* TASK INSTRUCTIONS *
Wherever a line in the data holds the word "CORE", pull that line out.

*** DATA RECORDS Section Begins ***

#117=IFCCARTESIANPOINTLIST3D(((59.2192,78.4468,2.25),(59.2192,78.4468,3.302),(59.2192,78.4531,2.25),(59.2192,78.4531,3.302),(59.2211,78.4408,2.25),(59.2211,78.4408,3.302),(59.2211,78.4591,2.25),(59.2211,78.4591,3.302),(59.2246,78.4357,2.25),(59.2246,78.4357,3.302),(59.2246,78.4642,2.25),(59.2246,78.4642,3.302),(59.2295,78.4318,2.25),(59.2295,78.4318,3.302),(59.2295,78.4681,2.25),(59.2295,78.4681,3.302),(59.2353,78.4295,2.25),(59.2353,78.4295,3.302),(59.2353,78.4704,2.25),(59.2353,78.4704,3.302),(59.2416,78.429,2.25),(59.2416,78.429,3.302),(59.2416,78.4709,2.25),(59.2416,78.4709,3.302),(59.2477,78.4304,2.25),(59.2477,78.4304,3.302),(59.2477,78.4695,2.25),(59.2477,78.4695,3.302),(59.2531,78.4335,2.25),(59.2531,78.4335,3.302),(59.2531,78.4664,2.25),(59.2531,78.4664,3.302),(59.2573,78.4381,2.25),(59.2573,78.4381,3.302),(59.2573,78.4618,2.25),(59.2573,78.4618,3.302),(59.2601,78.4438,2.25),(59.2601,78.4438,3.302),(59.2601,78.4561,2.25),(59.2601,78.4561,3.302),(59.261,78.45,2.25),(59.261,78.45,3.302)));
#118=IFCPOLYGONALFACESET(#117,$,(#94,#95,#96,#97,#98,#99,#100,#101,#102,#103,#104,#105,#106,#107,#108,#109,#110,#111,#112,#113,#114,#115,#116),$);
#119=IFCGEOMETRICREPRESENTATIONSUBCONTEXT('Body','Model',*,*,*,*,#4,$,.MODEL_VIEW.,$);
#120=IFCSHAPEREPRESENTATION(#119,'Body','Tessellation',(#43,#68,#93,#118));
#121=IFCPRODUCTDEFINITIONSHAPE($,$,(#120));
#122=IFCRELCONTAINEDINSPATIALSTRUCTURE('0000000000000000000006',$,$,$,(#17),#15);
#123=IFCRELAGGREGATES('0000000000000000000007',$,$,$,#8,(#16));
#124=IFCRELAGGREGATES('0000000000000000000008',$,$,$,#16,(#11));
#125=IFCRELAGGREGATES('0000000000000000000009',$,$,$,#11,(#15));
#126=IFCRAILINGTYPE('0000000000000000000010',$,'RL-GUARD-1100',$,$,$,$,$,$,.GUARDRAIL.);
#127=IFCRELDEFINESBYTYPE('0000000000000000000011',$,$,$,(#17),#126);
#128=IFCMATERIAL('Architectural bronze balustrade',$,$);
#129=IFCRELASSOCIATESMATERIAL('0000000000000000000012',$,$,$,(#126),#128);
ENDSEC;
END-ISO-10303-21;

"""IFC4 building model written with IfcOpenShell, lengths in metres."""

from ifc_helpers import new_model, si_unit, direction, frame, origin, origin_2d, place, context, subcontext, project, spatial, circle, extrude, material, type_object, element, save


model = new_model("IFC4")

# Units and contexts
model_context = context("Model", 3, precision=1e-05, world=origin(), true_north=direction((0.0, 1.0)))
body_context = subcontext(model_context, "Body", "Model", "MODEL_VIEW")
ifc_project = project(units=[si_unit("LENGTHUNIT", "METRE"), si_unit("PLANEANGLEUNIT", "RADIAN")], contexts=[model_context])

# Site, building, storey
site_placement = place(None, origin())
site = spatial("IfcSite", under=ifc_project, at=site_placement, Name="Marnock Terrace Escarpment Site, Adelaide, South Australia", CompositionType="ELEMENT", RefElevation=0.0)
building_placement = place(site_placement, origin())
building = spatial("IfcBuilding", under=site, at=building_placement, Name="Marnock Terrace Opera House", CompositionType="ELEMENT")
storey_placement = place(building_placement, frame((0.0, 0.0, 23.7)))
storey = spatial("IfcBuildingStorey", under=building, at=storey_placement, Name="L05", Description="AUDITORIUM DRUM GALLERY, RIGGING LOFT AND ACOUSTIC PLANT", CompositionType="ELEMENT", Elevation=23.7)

*** DATA RECORDS Section Ends ***
*** DATA RECORDS Section Begins ***

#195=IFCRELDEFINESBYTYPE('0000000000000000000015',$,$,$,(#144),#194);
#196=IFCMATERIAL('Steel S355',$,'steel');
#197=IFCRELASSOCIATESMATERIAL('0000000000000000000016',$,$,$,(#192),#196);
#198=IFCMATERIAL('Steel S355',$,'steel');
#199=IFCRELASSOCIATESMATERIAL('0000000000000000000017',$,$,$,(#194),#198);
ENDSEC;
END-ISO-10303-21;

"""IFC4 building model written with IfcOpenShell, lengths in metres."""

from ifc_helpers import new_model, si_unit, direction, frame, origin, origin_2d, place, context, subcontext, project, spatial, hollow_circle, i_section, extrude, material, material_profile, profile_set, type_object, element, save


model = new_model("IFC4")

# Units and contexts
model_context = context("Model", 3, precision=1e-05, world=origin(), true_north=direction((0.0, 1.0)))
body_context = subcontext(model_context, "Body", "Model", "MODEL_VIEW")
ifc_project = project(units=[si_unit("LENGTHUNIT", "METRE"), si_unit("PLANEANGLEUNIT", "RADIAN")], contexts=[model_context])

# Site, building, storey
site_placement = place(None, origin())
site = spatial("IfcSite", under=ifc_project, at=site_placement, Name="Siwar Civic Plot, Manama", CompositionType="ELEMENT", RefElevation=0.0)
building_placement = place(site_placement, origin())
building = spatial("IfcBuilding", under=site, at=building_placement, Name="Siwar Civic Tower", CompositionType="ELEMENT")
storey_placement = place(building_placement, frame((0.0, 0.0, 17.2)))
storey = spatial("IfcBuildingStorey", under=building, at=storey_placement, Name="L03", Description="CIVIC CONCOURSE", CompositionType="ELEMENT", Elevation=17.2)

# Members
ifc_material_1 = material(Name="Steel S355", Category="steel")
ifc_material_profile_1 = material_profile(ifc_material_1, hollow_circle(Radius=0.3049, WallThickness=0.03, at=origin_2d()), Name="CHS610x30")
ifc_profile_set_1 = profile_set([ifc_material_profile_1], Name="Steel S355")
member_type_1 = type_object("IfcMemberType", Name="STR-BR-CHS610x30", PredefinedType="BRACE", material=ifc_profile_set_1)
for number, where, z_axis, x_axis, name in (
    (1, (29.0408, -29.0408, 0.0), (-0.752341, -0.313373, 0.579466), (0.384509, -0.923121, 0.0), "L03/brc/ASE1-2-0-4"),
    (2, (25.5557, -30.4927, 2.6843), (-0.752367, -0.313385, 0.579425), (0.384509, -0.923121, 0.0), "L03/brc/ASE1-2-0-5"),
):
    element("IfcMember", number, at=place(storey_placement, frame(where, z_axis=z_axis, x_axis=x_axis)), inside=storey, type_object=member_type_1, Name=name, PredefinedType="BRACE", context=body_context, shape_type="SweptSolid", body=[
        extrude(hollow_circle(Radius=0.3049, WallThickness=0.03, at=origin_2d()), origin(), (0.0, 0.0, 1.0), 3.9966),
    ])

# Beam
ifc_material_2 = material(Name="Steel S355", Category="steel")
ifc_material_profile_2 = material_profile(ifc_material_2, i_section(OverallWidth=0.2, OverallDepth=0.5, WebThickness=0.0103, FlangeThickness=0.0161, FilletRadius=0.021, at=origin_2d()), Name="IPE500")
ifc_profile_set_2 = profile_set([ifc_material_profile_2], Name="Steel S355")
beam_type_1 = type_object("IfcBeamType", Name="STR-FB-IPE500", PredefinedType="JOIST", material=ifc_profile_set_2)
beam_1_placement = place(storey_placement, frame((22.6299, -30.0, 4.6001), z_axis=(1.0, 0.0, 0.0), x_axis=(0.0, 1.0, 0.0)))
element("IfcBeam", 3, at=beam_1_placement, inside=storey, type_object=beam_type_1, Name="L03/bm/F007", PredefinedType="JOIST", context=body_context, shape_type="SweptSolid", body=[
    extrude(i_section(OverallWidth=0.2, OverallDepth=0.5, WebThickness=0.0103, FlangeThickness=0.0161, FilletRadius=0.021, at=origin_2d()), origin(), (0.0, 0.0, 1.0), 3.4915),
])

*** DATA RECORDS Section Ends ***
*** DATA RECORDS Section Begins ***

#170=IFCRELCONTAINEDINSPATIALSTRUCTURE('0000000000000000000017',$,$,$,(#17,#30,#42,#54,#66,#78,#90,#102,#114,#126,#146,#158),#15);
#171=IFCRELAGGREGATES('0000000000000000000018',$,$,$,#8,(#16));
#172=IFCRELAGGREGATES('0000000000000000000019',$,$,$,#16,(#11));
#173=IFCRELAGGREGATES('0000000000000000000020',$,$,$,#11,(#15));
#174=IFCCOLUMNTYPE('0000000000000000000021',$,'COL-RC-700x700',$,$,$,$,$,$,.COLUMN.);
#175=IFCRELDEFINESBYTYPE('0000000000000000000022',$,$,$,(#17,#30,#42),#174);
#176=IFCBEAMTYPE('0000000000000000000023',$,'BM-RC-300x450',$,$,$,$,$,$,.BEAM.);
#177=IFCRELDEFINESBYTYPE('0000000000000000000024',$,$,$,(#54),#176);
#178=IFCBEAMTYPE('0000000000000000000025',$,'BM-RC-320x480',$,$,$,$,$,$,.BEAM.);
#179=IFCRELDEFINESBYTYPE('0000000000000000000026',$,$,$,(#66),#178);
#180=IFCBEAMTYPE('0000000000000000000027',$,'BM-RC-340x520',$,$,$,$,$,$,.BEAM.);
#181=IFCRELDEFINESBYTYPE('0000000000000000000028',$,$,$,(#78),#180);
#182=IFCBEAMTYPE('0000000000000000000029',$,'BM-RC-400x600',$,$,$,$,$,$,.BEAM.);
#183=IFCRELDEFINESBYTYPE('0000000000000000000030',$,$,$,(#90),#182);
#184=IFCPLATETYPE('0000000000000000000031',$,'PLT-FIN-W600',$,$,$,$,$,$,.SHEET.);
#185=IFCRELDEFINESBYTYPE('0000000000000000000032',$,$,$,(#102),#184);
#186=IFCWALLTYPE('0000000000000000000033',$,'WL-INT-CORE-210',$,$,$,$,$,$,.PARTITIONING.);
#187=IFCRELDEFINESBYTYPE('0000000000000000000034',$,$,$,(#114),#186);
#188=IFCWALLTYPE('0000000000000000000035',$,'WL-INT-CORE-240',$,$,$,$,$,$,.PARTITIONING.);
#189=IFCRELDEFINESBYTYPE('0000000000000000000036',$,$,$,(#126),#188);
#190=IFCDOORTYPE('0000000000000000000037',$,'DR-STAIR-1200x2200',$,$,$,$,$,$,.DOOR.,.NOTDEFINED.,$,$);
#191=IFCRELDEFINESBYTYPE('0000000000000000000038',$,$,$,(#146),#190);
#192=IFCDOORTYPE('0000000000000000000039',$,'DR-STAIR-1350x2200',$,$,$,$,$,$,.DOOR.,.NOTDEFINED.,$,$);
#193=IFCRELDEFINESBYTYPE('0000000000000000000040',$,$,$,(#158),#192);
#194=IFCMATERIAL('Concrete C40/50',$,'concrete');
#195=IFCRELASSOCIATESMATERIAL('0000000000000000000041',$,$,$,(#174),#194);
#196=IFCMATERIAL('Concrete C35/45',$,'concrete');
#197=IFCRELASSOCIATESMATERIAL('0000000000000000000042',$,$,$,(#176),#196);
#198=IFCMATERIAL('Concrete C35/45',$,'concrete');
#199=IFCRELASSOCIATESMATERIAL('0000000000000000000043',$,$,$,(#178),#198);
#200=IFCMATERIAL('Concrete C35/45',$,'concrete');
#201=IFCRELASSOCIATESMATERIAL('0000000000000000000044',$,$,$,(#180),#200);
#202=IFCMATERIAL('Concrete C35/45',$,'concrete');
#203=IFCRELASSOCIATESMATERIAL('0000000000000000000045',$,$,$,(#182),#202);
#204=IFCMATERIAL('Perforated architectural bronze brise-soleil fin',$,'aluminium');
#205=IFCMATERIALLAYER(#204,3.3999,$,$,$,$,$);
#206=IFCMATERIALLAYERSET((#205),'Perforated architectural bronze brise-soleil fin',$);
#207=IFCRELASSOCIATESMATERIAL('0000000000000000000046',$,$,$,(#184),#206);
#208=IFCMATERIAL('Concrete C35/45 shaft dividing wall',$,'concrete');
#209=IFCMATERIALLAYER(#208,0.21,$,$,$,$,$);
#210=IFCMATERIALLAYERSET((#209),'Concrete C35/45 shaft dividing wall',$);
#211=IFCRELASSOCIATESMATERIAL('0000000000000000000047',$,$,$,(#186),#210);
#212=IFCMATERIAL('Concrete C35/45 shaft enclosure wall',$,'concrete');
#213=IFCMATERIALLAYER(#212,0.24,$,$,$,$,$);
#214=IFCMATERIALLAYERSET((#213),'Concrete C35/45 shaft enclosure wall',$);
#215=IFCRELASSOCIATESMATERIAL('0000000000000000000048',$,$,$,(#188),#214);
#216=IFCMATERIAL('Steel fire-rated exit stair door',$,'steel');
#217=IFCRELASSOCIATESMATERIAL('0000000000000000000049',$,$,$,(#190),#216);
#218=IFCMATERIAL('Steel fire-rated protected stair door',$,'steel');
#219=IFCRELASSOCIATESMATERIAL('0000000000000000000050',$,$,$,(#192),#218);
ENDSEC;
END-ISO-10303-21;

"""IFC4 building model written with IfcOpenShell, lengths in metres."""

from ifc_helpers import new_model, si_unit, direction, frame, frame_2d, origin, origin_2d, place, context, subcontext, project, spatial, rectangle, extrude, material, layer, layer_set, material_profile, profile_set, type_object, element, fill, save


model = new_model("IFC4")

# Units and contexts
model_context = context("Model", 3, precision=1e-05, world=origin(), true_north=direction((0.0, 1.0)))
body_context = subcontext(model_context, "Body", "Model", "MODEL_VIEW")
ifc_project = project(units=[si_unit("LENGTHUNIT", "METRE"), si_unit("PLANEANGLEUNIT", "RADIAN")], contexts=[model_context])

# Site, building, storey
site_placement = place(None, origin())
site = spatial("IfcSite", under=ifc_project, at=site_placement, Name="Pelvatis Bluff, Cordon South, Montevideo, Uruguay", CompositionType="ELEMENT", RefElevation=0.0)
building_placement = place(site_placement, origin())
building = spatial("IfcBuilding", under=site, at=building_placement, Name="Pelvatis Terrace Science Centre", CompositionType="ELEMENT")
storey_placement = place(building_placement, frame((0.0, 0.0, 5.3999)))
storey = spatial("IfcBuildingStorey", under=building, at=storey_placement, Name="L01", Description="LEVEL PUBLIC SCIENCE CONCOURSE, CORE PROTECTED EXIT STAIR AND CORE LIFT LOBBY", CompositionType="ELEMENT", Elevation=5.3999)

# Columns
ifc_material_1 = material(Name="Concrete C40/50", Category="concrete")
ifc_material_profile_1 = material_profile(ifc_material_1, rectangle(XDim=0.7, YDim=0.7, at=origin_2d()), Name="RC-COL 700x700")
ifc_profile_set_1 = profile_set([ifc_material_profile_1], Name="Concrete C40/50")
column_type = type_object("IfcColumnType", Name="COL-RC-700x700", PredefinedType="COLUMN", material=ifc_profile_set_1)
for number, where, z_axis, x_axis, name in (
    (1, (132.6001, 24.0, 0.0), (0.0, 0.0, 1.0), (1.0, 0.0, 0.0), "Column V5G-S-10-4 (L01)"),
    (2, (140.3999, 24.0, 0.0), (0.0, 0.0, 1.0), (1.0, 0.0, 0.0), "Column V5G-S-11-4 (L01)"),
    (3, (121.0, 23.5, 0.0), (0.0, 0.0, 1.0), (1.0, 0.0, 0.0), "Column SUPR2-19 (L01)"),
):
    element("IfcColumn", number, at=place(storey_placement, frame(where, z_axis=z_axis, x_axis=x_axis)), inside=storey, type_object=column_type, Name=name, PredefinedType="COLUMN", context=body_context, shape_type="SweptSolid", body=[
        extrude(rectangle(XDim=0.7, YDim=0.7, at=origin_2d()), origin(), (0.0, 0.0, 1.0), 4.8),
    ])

*** DATA RECORDS Section Ends ***

* ANSWER FOR THIS EXERCISE *
#186=IFCWALLTYPE('0000000000000000000033',$,'WL-INT-CORE-210',$,$,$,$,$,$,.PARTITIONING.);
#188=IFCWALLTYPE('0000000000000000000035',$,'WL-INT-CORE-240',$,$,$,$,$,$,.PARTITIONING.);
storey = spatial("IfcBuildingStorey", under=building, at=storey_placement, Name="L01", Description="LEVEL PUBLIC SCIENCE CONCOURSE, CORE PROTECTED EXIT STAIR AND CORE LIFT LOBBY", CompositionType="ELEMENT", Elevation=5.3999)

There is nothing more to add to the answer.